Retype, exactly and only, each line from the one containing "from ifc_helpers import" to the end of the records below.
★ ★ ★ ★ ★ ★ ★
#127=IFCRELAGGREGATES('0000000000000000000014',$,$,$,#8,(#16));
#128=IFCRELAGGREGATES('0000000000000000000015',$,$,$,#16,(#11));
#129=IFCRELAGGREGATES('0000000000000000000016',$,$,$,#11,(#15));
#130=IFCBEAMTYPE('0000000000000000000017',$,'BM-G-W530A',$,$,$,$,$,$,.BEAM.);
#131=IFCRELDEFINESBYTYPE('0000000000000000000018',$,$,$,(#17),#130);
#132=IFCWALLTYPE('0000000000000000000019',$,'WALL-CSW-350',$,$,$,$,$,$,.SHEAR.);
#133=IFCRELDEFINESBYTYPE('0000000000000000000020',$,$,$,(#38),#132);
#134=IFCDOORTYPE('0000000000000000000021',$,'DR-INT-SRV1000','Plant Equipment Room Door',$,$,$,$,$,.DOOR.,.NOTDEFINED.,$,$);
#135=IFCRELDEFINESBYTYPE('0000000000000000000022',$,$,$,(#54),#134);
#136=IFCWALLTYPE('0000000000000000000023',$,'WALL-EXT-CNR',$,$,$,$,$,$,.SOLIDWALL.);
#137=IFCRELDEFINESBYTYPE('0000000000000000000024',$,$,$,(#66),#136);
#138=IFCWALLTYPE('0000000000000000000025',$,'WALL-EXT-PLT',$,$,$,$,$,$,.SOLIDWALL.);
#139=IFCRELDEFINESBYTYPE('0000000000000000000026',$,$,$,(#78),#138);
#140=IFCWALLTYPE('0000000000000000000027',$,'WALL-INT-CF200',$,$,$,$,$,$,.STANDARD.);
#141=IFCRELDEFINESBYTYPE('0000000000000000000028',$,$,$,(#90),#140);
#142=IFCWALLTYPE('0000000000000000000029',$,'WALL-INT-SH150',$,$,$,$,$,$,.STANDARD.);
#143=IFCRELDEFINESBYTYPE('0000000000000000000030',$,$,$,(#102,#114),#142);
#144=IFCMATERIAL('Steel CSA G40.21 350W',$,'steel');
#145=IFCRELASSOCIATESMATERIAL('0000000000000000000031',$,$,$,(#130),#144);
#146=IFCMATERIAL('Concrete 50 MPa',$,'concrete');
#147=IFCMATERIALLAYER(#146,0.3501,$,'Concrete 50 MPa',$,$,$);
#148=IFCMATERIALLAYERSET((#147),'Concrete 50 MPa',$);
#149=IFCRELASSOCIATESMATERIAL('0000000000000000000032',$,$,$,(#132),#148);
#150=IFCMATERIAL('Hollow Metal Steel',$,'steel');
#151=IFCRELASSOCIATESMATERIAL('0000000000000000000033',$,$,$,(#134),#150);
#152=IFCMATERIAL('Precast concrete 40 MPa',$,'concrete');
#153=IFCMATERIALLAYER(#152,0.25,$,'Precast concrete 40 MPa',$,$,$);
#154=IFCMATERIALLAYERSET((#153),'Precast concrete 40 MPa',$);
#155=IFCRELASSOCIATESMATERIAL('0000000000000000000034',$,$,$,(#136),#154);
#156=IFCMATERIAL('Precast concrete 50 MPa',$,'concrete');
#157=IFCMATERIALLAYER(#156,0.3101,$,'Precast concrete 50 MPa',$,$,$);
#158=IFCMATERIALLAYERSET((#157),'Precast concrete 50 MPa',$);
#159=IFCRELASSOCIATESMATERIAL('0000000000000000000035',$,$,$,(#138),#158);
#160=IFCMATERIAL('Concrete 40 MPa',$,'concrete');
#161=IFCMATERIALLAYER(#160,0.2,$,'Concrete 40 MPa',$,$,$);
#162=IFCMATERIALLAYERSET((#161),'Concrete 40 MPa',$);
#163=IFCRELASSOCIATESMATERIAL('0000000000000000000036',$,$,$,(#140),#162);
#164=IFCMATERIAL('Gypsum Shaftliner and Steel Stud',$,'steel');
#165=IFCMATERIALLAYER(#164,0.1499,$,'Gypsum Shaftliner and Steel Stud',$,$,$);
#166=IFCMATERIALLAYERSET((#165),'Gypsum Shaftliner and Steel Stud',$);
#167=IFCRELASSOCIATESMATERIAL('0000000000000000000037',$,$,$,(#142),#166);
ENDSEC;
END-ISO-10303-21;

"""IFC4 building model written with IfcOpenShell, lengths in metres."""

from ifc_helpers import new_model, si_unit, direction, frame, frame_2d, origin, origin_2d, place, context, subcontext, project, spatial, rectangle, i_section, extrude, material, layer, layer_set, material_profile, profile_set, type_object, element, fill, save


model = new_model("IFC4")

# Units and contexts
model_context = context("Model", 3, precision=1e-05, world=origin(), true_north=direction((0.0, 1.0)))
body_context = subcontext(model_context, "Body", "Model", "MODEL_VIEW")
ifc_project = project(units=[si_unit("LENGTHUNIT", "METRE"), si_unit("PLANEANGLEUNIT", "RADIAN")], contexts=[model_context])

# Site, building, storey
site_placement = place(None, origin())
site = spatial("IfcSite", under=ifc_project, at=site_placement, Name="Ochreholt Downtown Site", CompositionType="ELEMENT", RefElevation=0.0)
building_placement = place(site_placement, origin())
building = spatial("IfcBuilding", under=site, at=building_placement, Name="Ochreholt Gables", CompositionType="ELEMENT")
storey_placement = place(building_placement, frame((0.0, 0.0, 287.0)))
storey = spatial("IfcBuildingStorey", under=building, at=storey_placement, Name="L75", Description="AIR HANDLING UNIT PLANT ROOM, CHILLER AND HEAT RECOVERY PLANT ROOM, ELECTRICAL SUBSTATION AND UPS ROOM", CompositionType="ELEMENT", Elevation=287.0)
★ ★ ★ ★ ★ ★ ★
### RESPONSE
from ifc_helpers import new_model, si_unit, direction, frame, frame_2d, origin, origin_2d, place, context, subcontext, project, spatial, rectangle, i_section, extrude, material, layer, layer_set, material_profile, profile_set, type_object, element, fill, save


model = new_model("IFC4")

# Units and contexts
model_context = context("Model", 3, precision=1e-05, world=origin(), true_north=direction((0.0, 1.0)))
body_context = subcontext(model_context, "Body", "Model", "MODEL_VIEW")
ifc_project = project(units=[si_unit("LENGTHUNIT", "METRE"), si_unit("PLANEANGLEUNIT", "RADIAN")], contexts=[model_context])

# Site, building, storey
site_placement = place(None, origin())
site = spatial("IfcSite", under=ifc_project, at=site_placement, Name="Ochreholt Downtown Site", CompositionType="ELEMENT", RefElevation=0.0)
building_placement = place(site_placement, origin())
building = spatial("IfcBuilding", under=site, at=building_placement, Name="Ochreholt Gables", CompositionType="ELEMENT")
storey_placement = place(building_placement, frame((0.0, 0.0, 287.0)))
storey = spatial("IfcBuildingStorey", under=building, at=storey_placement, Name="L75", Description="AIR HANDLING UNIT PLANT ROOM, CHILLER AND HEAT RECOVERY PLANT ROOM, ELECTRICAL SUBSTATION AND UPS ROOM", CompositionType="ELEMENT", Elevation=287.0)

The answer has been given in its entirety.